(Provided information begins)
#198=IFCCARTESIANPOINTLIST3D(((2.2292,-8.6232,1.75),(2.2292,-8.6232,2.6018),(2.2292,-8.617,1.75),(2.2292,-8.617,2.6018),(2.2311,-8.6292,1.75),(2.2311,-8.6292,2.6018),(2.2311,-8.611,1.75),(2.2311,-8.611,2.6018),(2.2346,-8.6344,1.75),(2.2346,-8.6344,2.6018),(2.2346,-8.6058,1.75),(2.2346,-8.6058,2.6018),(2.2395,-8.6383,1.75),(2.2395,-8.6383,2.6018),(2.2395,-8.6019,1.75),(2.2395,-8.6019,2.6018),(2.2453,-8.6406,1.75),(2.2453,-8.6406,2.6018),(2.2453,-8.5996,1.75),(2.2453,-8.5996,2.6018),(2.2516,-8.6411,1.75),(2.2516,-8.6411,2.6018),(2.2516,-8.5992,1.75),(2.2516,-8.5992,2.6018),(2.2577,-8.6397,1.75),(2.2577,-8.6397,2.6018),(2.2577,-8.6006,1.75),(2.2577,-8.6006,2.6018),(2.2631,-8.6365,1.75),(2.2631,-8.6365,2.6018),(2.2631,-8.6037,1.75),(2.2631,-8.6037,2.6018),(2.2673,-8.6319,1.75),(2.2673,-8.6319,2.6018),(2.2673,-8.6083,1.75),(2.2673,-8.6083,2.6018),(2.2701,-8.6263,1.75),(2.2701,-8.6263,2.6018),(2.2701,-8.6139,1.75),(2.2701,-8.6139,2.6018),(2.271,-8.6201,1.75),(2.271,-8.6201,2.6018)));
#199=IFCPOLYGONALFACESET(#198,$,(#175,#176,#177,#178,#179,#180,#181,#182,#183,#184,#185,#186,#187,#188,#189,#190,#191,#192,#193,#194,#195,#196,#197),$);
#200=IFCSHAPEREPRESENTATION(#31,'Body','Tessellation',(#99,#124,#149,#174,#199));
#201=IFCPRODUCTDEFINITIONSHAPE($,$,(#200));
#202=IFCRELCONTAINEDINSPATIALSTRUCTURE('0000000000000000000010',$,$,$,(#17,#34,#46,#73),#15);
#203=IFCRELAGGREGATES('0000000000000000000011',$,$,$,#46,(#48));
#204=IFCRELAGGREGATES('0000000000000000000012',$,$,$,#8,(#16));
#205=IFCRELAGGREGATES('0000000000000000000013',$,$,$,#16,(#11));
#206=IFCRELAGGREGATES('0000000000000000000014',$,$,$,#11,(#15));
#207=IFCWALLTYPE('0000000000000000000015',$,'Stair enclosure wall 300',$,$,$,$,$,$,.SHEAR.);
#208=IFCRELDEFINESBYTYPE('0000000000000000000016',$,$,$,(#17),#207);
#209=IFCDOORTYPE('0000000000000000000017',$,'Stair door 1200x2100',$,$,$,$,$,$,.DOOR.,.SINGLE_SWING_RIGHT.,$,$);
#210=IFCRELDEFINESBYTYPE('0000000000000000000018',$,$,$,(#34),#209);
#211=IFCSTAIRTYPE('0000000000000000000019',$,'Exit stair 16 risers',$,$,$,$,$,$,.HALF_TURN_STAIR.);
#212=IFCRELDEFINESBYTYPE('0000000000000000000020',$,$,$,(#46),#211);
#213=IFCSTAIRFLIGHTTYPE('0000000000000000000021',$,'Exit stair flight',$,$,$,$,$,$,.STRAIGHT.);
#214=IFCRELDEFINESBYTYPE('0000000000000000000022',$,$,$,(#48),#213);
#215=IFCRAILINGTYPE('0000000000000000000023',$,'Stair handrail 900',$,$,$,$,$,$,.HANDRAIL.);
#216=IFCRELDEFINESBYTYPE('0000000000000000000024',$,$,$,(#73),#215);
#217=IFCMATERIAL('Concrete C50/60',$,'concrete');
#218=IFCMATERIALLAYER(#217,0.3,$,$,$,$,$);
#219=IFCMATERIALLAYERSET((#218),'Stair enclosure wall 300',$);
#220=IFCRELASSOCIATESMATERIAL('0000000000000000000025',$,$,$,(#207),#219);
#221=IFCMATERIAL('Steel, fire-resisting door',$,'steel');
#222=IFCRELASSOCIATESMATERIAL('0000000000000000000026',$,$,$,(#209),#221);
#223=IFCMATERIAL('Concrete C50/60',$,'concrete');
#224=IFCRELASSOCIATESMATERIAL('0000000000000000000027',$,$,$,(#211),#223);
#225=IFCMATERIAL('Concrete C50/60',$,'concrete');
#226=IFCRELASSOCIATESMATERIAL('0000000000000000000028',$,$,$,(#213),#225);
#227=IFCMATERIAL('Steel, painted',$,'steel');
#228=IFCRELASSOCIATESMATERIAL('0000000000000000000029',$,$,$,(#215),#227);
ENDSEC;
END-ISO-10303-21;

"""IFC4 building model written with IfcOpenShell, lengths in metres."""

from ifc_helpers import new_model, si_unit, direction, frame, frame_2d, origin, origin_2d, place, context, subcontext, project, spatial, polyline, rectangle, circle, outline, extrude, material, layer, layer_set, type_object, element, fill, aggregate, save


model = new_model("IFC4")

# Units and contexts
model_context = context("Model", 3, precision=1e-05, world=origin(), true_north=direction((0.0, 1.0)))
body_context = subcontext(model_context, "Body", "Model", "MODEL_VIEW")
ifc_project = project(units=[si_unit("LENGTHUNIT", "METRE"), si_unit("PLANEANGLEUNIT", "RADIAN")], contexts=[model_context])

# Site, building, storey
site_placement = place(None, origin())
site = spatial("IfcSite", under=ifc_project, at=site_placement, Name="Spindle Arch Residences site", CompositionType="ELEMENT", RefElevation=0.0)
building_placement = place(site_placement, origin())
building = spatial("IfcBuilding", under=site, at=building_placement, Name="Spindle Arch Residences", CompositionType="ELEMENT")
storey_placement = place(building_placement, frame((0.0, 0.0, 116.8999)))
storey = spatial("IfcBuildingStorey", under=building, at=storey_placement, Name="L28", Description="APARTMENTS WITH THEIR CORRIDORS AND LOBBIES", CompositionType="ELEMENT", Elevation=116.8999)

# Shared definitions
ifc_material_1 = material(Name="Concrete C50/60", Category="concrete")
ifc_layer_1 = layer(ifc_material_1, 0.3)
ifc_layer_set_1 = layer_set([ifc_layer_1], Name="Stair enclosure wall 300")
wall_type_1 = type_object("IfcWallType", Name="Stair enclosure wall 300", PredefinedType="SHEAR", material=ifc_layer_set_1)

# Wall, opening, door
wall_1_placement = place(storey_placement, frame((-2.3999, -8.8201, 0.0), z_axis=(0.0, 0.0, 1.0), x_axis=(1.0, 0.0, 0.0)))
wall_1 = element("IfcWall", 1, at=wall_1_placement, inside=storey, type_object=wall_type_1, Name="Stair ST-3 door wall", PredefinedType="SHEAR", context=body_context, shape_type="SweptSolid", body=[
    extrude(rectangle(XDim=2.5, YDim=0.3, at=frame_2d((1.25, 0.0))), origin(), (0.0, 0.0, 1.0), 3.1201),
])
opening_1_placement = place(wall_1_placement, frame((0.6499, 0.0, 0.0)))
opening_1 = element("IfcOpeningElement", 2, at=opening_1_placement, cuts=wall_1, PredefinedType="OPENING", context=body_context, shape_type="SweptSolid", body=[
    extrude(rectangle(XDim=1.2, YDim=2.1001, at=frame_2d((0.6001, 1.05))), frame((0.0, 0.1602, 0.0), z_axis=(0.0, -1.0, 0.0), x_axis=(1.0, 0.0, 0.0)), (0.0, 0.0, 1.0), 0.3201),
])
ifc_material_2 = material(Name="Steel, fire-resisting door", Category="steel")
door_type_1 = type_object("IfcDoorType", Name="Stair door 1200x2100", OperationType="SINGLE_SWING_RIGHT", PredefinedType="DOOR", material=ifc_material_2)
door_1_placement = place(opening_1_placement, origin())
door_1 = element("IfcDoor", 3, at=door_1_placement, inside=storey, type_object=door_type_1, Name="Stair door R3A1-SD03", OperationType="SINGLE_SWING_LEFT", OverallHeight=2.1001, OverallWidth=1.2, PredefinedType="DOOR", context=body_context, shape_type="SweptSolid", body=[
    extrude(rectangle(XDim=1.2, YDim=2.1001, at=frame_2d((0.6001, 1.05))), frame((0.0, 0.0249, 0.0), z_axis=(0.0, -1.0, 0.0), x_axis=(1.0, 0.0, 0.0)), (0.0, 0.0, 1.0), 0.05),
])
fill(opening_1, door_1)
(Provided information ends)
**To do:** Starting from the records above, copy each line where the string "inside" is found.

**Response for this exercise:**
wall_1 = element("IfcWall", 1, at=wall_1_placement, inside=storey, type_object=wall_type_1, Name="Stair ST-3 door wall", PredefinedType="SHEAR", context=body_context, shape_type="SweptSolid", body=[
door_1 = element("IfcDoor", 3, at=door_1_placement, inside=storey, type_object=door_type_1, Name="Stair door R3A1-SD03", OperationType="SINGLE_SWING_LEFT", OverallHeight=2.1001, OverallWidth=1.2, PredefinedType="DOOR", context=body_context, shape_type="SweptSolid", body=[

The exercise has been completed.